**Your task:** The data should be printed again, exactly.

**Data supplied:**
※ ※ ※

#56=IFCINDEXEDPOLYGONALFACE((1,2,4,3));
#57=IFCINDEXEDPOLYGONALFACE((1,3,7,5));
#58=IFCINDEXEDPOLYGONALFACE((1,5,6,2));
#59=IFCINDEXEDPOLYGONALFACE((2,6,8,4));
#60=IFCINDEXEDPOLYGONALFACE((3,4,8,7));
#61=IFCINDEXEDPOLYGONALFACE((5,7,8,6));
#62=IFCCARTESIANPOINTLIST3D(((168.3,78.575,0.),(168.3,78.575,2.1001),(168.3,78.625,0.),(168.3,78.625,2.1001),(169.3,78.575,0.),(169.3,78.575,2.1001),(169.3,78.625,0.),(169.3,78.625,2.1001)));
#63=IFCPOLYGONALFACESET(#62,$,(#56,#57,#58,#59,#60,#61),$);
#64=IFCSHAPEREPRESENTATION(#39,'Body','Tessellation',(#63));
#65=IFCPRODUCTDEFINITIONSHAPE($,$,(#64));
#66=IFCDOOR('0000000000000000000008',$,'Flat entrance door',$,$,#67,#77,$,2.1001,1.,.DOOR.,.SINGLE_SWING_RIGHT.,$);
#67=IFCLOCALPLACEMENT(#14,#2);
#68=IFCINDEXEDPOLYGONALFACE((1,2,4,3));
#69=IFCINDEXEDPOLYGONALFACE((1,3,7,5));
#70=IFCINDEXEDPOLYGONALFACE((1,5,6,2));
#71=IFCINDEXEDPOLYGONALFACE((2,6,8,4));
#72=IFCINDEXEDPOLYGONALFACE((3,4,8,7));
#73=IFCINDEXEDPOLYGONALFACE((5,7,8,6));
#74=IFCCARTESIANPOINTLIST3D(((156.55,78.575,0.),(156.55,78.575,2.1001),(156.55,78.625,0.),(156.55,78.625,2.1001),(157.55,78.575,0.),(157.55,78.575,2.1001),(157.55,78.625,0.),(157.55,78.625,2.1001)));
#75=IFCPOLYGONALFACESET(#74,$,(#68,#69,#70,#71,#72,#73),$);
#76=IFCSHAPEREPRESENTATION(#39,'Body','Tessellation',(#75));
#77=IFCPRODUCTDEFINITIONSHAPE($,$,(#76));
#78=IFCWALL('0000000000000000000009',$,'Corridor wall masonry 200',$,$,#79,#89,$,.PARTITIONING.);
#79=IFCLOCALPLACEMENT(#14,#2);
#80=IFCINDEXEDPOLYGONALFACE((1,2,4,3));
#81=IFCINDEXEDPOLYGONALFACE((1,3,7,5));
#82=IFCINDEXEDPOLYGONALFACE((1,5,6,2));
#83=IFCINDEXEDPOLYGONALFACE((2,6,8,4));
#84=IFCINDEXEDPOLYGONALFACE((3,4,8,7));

※ ※ ※

**Worked solution:**
#56=IFCINDEXEDPOLYGONALFACE((1,2,4,3));
#57=IFCINDEXEDPOLYGONALFACE((1,3,7,5));
#58=IFCINDEXEDPOLYGONALFACE((1,5,6,2));
#59=IFCINDEXEDPOLYGONALFACE((2,6,8,4));
#60=IFCINDEXEDPOLYGONALFACE((3,4,8,7));
#61=IFCINDEXEDPOLYGONALFACE((5,7,8,6));
#62=IFCCARTESIANPOINTLIST3D(((168.3,78.575,0.),(168.3,78.575,2.1001),(168.3,78.625,0.),(168.3,78.625,2.1001),(169.3,78.575,0.),(169.3,78.575,2.1001),(169.3,78.625,0.),(169.3,78.625,2.1001)));
#63=IFCPOLYGONALFACESET(#62,$,(#56,#57,#58,#59,#60,#61),$);
#64=IFCSHAPEREPRESENTATION(#39,'Body','Tessellation',(#63));
#65=IFCPRODUCTDEFINITIONSHAPE($,$,(#64));
#66=IFCDOOR('0000000000000000000008',$,'Flat entrance door',$,$,#67,#77,$,2.1001,1.,.DOOR.,.SINGLE_SWING_RIGHT.,$);
#67=IFCLOCALPLACEMENT(#14,#2);
#68=IFCINDEXEDPOLYGONALFACE((1,2,4,3));
#69=IFCINDEXEDPOLYGONALFACE((1,3,7,5));
#70=IFCINDEXEDPOLYGONALFACE((1,5,6,2));
#71=IFCINDEXEDPOLYGONALFACE((2,6,8,4));
#72=IFCINDEXEDPOLYGONALFACE((3,4,8,7));
#73=IFCINDEXEDPOLYGONALFACE((5,7,8,6));
#74=IFCCARTESIANPOINTLIST3D(((156.55,78.575,0.),(156.55,78.575,2.1001),(156.55,78.625,0.),(156.55,78.625,2.1001),(157.55,78.575,0.),(157.55,78.575,2.1001),(157.55,78.625,0.),(157.55,78.625,2.1001)));
#75=IFCPOLYGONALFACESET(#74,$,(#68,#69,#70,#71,#72,#73),$);
#76=IFCSHAPEREPRESENTATION(#39,'Body','Tessellation',(#75));
#77=IFCPRODUCTDEFINITIONSHAPE($,$,(#76));
#78=IFCWALL('0000000000000000000009',$,'Corridor wall masonry 200',$,$,#79,#89,$,.PARTITIONING.);
#79=IFCLOCALPLACEMENT(#14,#2);
#80=IFCINDEXEDPOLYGONALFACE((1,2,4,3));
#81=IFCINDEXEDPOLYGONALFACE((1,3,7,5));
#82=IFCINDEXEDPOLYGONALFACE((1,5,6,2));
#83=IFCINDEXEDPOLYGONALFACE((2,6,8,4));
#84=IFCINDEXEDPOLYGONALFACE((3,4,8,7));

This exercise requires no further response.